#### INPUT ####

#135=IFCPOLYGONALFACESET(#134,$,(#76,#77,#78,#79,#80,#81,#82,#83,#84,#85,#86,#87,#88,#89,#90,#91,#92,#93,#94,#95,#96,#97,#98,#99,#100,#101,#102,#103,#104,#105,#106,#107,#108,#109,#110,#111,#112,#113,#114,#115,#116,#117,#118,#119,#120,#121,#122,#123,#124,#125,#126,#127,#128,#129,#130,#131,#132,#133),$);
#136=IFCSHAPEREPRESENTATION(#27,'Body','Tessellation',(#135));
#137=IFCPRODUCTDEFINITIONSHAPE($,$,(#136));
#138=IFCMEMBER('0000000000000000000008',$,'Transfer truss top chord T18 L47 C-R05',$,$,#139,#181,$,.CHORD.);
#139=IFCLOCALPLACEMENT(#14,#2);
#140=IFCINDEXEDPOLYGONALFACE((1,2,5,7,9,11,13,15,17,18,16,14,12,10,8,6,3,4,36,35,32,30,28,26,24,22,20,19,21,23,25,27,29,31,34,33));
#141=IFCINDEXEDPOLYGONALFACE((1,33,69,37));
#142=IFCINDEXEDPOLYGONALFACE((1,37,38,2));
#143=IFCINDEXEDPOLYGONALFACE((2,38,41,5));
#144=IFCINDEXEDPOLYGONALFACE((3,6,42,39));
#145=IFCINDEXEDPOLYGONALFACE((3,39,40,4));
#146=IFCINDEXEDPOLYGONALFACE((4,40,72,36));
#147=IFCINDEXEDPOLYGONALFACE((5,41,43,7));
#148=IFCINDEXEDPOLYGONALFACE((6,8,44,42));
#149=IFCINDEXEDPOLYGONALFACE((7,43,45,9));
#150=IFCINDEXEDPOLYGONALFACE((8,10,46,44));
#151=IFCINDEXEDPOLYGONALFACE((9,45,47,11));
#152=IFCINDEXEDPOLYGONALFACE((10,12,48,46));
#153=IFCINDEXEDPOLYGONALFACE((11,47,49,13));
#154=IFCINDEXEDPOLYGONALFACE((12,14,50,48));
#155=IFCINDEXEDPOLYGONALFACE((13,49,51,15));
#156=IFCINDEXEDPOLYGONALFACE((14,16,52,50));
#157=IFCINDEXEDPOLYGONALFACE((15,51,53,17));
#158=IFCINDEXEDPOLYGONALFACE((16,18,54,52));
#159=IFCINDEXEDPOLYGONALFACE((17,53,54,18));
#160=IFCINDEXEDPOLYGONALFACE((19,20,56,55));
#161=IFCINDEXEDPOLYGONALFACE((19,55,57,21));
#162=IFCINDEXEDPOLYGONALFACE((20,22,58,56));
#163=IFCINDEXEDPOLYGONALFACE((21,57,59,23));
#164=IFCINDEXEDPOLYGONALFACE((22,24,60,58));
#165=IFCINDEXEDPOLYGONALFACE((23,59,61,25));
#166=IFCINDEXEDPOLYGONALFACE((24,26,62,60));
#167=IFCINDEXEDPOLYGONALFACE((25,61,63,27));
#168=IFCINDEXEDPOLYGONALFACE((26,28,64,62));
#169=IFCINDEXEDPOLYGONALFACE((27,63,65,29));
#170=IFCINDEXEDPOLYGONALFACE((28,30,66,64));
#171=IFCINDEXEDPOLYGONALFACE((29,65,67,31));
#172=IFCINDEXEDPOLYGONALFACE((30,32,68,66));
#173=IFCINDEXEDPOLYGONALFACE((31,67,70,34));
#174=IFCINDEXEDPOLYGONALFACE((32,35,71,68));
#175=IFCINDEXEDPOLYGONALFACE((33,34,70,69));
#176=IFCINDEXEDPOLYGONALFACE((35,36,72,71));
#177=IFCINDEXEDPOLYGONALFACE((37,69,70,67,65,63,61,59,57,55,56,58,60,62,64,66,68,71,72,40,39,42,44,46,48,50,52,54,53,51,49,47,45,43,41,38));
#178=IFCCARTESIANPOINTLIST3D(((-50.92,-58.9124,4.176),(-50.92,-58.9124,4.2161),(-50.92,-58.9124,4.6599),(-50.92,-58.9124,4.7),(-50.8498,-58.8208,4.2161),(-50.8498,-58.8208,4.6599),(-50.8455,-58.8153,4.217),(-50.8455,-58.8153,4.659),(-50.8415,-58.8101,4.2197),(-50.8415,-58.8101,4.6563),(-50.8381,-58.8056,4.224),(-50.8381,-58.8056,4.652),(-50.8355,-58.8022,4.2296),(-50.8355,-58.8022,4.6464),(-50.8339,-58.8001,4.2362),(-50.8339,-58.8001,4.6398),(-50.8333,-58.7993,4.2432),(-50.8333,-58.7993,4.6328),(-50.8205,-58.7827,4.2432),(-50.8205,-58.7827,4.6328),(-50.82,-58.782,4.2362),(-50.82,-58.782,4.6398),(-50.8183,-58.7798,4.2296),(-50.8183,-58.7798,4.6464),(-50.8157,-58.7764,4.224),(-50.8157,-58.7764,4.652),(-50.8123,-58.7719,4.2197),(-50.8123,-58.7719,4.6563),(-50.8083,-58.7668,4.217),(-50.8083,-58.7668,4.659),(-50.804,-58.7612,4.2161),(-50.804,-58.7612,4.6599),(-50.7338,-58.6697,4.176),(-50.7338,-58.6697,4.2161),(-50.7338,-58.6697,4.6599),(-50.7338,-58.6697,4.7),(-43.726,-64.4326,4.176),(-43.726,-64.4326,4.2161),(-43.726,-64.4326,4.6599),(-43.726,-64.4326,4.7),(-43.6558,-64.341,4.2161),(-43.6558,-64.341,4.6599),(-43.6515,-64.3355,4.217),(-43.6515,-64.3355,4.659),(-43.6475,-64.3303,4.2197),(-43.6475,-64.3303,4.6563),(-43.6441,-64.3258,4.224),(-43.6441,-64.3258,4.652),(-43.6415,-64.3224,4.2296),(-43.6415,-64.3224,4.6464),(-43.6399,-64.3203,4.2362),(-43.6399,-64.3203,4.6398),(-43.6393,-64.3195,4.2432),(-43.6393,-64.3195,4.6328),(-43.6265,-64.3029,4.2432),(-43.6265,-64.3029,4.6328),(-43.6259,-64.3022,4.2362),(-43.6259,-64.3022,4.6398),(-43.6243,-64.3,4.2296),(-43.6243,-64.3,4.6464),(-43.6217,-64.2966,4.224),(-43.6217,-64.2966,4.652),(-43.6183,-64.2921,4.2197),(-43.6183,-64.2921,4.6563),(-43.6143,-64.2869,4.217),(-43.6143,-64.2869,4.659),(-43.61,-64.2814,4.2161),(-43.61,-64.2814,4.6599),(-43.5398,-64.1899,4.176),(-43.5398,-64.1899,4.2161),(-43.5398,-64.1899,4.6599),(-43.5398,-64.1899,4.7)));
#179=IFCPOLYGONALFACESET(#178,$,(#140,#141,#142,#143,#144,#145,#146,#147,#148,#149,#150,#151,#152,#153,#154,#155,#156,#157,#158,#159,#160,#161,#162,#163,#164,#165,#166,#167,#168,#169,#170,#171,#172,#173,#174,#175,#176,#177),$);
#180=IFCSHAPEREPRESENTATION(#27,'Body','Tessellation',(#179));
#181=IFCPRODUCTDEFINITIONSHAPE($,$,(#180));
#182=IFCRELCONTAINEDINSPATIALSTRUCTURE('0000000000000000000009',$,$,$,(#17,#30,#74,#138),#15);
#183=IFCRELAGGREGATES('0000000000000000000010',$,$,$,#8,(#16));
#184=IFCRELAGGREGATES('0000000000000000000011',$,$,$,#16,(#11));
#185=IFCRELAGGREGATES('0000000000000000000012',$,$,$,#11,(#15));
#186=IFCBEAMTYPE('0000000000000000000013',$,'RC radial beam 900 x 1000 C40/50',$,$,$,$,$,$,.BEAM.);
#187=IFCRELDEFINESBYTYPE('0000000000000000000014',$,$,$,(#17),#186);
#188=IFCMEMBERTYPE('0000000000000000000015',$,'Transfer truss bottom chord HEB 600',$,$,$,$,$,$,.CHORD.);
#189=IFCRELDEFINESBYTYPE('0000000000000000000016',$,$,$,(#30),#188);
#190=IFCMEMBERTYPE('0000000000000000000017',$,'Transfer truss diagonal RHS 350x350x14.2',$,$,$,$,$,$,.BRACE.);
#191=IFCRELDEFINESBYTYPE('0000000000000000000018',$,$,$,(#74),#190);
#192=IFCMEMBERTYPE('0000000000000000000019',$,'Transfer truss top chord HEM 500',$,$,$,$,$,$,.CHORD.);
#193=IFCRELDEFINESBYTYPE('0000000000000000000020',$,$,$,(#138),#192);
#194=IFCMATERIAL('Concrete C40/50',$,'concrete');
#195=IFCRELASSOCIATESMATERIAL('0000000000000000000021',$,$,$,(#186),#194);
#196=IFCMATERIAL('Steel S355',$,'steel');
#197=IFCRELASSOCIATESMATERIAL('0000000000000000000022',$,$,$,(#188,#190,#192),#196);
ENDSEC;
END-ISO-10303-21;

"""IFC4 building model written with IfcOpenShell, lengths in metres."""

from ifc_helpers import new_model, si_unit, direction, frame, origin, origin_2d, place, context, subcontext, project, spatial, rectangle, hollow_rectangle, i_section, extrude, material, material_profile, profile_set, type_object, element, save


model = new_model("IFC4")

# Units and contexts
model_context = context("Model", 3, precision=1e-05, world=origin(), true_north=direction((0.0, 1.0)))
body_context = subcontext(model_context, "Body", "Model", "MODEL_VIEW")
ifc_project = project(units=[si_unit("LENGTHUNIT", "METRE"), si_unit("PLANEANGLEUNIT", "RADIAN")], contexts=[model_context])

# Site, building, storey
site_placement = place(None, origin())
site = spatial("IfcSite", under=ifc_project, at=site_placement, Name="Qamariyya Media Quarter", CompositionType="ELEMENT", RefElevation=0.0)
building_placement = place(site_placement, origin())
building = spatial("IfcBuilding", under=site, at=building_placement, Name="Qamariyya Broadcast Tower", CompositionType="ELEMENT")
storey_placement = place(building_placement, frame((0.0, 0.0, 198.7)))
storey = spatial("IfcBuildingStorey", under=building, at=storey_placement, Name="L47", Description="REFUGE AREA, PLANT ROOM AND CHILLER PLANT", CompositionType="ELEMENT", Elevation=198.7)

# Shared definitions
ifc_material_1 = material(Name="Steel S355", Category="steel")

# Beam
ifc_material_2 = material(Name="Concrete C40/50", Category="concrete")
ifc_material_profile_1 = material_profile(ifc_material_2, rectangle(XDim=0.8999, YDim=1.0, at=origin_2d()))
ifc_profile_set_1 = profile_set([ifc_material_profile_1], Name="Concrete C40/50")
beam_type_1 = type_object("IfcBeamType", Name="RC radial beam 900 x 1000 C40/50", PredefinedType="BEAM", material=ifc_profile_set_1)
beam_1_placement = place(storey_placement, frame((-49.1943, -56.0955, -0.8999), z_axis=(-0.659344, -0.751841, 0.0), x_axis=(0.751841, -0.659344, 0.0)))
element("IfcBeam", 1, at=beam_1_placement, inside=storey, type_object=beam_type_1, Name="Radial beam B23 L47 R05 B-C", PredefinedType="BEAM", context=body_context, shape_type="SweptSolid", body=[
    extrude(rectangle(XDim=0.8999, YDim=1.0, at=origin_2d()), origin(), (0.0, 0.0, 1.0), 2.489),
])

####
#### INPUT ####

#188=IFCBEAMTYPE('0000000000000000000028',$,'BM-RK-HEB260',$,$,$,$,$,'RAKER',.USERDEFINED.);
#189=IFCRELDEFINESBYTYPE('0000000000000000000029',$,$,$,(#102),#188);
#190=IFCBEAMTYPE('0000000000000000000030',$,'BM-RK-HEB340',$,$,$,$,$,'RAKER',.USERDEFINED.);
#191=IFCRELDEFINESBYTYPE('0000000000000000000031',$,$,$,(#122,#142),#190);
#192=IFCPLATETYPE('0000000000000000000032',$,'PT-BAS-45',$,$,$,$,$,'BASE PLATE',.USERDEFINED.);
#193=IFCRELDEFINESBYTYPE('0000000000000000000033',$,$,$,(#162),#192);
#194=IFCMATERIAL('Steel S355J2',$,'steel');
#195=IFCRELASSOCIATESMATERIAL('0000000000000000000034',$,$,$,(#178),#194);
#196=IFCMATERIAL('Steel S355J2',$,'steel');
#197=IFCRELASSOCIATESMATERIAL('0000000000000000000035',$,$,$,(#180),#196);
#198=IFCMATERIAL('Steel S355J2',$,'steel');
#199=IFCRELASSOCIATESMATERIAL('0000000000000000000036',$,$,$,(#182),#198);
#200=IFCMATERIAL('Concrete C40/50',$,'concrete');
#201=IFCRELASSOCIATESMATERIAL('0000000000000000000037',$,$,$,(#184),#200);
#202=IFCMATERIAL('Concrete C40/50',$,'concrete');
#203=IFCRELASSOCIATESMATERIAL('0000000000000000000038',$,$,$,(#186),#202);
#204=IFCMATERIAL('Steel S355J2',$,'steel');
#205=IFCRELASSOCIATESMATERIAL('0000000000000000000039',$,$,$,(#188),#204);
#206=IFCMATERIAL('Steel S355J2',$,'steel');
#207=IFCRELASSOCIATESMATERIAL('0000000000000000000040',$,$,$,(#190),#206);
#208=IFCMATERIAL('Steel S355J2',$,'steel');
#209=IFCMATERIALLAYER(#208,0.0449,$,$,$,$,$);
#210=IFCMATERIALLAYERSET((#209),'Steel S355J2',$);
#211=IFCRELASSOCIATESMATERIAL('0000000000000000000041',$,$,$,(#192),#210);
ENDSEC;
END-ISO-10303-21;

####

Lines with "IFCSHAPEREPRESENTATION": return each one from the data above.

YOUR RESPONSE
#136=IFCSHAPEREPRESENTATION(#27,'Body','Tessellation',(#135));
#180=IFCSHAPEREPRESENTATION(#27,'Body','Tessellation',(#179));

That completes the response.